**DATASET RECORDS:**
--*--

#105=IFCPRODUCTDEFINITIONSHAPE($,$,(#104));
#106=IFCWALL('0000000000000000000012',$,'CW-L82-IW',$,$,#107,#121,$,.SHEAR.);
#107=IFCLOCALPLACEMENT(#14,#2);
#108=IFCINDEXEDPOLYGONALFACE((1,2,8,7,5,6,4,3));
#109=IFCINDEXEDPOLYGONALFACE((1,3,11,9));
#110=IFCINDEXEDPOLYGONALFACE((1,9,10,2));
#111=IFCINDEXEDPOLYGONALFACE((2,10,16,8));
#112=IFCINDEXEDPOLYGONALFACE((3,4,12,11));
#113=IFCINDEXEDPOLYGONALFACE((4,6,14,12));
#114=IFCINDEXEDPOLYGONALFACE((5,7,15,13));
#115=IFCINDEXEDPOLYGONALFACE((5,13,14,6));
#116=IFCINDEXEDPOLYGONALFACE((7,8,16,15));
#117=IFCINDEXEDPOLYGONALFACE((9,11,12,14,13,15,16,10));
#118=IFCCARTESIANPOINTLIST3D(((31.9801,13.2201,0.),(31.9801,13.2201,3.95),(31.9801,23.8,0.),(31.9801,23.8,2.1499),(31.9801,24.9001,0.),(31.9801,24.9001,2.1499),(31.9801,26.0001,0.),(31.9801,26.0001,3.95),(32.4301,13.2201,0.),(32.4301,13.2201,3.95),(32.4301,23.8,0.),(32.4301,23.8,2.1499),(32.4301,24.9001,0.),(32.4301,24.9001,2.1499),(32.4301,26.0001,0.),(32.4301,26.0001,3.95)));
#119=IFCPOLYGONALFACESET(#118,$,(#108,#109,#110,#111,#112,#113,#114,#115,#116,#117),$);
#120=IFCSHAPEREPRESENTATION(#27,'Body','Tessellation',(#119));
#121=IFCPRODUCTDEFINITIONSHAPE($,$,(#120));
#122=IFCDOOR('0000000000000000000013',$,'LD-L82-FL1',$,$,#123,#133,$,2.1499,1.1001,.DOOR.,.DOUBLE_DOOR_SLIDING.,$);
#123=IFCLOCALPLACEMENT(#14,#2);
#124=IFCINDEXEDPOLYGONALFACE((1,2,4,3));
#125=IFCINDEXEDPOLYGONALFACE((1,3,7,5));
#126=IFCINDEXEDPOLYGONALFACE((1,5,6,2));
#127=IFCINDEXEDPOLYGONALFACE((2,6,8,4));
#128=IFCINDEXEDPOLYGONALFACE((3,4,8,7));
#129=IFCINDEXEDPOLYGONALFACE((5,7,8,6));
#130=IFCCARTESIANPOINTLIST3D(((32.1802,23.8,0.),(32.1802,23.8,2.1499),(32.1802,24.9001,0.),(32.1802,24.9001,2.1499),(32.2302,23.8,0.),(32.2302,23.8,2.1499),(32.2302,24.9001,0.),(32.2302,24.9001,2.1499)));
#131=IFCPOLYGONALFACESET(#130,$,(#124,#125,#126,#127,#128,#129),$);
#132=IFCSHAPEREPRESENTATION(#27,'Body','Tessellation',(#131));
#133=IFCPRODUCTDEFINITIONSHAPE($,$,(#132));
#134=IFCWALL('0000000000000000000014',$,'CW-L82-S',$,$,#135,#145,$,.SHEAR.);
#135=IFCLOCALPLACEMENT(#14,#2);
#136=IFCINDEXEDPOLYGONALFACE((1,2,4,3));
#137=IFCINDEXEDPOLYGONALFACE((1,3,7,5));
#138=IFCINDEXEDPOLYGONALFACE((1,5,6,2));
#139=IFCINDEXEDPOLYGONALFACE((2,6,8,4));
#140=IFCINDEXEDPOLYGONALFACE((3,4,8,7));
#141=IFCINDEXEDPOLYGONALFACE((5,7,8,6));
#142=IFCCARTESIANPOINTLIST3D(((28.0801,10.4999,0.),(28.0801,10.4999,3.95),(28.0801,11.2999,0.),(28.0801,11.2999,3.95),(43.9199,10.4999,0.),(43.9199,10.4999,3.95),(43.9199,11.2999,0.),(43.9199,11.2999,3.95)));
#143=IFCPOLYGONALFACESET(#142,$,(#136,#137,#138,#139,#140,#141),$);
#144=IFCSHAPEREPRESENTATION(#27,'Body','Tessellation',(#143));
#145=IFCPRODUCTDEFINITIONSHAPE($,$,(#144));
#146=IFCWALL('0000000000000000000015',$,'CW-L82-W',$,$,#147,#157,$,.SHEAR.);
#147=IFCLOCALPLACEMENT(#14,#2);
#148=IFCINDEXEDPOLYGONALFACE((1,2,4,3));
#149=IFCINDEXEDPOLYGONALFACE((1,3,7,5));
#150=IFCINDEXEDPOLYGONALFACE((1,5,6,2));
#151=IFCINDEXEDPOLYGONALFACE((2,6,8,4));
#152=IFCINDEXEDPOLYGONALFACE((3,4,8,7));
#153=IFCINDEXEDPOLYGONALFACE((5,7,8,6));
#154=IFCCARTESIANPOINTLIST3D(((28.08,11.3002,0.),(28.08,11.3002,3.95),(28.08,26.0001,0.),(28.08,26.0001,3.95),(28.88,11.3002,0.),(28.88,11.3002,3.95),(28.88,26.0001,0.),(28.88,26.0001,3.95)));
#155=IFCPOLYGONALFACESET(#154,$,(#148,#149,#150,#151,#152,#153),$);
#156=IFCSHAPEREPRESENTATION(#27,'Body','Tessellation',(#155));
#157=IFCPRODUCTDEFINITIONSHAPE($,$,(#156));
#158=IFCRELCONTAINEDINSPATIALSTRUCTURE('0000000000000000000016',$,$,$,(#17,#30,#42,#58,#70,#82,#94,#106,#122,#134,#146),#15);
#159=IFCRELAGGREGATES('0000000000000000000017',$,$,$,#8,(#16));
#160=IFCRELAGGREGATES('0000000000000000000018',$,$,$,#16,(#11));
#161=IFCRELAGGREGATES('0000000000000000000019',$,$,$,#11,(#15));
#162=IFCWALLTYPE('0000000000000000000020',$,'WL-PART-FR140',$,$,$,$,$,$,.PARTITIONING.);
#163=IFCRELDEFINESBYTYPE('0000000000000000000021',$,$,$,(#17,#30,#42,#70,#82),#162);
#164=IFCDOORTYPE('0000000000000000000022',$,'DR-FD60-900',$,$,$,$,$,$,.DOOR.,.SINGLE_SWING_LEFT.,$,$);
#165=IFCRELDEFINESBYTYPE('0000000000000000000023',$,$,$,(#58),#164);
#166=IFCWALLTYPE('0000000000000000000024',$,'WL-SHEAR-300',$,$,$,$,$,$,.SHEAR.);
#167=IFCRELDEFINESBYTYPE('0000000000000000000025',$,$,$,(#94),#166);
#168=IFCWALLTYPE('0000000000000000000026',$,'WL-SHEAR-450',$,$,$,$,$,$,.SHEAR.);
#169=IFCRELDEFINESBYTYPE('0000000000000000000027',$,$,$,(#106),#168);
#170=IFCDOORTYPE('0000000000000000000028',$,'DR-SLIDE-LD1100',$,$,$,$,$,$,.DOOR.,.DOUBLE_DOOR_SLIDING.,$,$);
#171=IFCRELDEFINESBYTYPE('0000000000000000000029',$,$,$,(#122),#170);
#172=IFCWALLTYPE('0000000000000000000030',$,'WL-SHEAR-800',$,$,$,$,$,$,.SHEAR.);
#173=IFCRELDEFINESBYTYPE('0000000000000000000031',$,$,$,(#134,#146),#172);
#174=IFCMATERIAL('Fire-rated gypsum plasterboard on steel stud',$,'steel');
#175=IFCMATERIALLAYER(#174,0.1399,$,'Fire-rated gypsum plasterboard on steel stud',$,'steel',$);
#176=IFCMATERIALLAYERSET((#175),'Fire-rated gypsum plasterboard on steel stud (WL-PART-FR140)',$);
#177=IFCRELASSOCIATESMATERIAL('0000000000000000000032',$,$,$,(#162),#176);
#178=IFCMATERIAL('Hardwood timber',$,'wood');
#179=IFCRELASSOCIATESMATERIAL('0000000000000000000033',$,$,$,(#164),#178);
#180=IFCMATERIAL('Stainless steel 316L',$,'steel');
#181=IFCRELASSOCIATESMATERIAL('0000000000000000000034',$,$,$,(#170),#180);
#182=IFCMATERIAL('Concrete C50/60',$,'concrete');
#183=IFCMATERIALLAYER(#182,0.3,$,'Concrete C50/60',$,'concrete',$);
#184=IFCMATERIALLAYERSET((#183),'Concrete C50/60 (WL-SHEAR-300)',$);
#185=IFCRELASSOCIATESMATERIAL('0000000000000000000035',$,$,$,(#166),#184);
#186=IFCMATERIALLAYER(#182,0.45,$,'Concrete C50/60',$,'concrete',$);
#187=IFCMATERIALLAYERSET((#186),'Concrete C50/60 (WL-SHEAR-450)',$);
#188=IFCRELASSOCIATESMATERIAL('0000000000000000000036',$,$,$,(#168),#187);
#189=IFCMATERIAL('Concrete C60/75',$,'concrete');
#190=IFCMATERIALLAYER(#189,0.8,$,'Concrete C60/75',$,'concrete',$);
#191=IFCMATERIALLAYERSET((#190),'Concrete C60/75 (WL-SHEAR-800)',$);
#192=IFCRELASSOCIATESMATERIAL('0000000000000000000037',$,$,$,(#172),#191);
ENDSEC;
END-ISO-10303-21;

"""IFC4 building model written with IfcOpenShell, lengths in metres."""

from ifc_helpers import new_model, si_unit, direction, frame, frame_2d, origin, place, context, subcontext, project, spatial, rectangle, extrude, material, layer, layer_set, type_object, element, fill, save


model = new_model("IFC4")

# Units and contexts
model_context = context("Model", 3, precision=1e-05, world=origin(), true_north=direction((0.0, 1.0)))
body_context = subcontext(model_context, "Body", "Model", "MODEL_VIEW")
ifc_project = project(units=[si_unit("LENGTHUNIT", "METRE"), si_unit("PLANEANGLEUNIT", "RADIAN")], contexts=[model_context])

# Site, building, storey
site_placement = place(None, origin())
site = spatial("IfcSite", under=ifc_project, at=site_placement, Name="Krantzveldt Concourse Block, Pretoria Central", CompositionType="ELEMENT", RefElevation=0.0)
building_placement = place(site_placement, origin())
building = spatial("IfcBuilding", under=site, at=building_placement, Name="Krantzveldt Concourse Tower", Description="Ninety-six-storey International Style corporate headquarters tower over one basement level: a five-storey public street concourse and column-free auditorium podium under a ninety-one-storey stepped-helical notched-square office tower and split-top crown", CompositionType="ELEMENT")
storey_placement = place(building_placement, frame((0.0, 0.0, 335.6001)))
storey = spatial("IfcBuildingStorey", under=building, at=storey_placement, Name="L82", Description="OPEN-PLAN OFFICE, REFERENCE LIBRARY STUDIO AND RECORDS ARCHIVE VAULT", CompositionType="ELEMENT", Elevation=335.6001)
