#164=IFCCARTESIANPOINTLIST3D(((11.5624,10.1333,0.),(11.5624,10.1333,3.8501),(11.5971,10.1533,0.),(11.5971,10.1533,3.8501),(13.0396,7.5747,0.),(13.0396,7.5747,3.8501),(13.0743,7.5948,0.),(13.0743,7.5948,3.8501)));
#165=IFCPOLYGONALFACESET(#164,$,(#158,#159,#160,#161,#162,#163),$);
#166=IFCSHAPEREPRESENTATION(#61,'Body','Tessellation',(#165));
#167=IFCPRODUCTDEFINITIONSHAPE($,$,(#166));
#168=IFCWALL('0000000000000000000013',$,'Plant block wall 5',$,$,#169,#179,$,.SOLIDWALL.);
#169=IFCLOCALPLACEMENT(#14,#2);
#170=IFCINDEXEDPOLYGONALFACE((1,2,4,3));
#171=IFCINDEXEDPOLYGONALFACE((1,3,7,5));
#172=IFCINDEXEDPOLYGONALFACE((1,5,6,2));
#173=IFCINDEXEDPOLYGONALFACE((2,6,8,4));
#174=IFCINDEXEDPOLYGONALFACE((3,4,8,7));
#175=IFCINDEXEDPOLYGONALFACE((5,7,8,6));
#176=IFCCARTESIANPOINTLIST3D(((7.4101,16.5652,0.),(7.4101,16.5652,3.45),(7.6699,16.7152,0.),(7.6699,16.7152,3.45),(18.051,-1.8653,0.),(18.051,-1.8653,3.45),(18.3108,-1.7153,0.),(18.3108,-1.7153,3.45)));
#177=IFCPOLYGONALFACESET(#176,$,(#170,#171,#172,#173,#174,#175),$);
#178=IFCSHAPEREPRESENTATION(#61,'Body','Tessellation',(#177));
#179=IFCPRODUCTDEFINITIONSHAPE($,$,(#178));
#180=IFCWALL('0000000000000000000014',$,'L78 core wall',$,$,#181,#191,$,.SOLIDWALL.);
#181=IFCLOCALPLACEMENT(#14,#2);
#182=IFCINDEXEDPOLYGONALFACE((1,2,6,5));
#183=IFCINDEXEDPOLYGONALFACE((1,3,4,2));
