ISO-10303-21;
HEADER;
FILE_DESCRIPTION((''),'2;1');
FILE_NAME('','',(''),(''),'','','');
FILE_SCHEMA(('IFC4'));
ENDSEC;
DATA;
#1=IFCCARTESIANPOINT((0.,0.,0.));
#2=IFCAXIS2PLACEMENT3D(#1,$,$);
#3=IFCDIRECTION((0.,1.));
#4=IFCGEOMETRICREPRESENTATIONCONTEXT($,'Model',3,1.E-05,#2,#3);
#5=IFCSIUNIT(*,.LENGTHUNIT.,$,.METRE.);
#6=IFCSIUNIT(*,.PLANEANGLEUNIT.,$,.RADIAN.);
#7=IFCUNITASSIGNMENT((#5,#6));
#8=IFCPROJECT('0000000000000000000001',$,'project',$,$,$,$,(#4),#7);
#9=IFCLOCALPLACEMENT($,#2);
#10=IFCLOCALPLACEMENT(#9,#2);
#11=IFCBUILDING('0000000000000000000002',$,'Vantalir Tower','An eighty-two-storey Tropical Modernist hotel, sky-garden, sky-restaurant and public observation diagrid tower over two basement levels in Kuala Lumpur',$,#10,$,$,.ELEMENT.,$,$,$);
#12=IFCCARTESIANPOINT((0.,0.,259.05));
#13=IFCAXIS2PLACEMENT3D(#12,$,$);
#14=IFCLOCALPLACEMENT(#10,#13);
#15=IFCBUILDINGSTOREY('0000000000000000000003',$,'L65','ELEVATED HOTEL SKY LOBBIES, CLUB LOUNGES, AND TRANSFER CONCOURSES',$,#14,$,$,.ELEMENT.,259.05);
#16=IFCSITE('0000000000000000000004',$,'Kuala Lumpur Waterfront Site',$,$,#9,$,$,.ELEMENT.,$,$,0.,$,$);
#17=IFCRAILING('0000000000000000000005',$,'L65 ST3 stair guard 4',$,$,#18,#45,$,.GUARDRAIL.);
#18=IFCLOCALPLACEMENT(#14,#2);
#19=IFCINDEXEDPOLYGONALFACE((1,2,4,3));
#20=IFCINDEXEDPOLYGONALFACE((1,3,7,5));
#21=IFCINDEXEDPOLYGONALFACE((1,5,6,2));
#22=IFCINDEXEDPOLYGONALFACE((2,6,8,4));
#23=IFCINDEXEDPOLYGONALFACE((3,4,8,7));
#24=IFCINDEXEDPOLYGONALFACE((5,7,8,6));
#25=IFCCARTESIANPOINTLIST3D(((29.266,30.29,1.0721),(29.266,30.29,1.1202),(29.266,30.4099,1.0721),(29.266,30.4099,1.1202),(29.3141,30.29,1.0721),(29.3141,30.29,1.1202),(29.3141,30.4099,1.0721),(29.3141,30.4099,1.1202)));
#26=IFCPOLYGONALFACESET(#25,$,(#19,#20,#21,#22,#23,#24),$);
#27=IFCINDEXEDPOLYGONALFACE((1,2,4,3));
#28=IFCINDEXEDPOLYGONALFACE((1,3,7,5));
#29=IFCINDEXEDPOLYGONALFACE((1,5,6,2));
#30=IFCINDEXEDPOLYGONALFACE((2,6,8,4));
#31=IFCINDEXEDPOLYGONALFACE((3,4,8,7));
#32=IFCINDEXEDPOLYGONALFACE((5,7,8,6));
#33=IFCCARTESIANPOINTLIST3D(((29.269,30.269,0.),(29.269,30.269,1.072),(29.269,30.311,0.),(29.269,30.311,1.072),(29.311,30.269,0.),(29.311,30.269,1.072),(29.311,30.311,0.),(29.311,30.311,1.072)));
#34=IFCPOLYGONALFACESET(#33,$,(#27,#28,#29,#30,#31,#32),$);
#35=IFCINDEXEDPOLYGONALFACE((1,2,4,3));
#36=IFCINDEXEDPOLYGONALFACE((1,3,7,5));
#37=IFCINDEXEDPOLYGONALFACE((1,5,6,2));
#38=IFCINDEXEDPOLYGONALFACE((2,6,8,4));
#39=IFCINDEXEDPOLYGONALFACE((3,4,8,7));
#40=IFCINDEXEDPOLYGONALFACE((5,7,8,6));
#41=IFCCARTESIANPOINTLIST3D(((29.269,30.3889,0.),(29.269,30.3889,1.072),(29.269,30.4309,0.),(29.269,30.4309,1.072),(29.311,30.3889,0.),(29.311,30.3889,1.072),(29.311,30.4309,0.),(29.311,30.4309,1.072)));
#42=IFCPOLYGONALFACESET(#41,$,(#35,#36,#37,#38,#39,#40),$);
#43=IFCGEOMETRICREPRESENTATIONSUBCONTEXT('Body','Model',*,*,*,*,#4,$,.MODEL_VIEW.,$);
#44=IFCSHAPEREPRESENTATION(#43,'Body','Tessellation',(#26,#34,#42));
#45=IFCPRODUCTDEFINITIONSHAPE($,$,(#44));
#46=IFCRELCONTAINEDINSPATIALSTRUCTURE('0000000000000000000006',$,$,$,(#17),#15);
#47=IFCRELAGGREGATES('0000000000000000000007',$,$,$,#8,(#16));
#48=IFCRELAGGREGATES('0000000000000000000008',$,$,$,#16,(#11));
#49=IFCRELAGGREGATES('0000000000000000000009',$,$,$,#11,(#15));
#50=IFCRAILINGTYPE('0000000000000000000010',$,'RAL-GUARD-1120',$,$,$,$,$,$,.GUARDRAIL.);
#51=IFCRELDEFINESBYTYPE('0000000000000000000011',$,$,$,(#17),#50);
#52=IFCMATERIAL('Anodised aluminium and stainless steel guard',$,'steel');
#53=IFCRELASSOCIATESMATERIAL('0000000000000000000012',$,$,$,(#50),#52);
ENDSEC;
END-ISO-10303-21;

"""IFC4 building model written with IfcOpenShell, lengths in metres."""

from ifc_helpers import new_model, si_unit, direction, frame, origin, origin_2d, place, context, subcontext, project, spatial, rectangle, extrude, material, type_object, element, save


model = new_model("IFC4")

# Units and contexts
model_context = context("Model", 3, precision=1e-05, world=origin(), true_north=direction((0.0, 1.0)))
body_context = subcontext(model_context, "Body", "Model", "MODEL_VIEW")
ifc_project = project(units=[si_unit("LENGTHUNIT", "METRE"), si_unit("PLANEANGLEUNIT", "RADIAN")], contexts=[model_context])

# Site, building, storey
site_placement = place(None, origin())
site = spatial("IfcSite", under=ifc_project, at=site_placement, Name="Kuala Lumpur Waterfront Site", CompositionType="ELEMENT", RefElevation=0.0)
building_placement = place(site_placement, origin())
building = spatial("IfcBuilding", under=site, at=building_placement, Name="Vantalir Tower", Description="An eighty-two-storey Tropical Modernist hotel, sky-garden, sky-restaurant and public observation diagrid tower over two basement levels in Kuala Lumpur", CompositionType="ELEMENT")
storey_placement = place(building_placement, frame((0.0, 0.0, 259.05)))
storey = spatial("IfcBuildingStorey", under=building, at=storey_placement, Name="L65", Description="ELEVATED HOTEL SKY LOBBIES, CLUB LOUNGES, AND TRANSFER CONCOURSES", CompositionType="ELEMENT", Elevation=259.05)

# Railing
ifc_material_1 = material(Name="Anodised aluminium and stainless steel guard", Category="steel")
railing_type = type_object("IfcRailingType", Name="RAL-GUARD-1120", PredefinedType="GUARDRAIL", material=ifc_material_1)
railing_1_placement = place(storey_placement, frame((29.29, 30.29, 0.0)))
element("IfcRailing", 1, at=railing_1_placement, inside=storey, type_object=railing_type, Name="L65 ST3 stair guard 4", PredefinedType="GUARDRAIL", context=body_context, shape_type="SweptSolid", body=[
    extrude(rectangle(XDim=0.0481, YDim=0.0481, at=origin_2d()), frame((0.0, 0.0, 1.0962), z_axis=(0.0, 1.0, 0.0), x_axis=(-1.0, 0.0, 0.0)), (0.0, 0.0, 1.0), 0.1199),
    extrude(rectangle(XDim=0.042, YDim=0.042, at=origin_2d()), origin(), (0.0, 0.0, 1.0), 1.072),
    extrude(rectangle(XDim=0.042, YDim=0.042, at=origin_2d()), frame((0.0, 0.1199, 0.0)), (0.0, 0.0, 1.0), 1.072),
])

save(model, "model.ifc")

--*--

**AIM OF THE EXERCISE:**
Determine how many lines of this listing contain "IFCMATERIALLAYERSET", and give only the number.

**THE COMPLETED TASK:**
4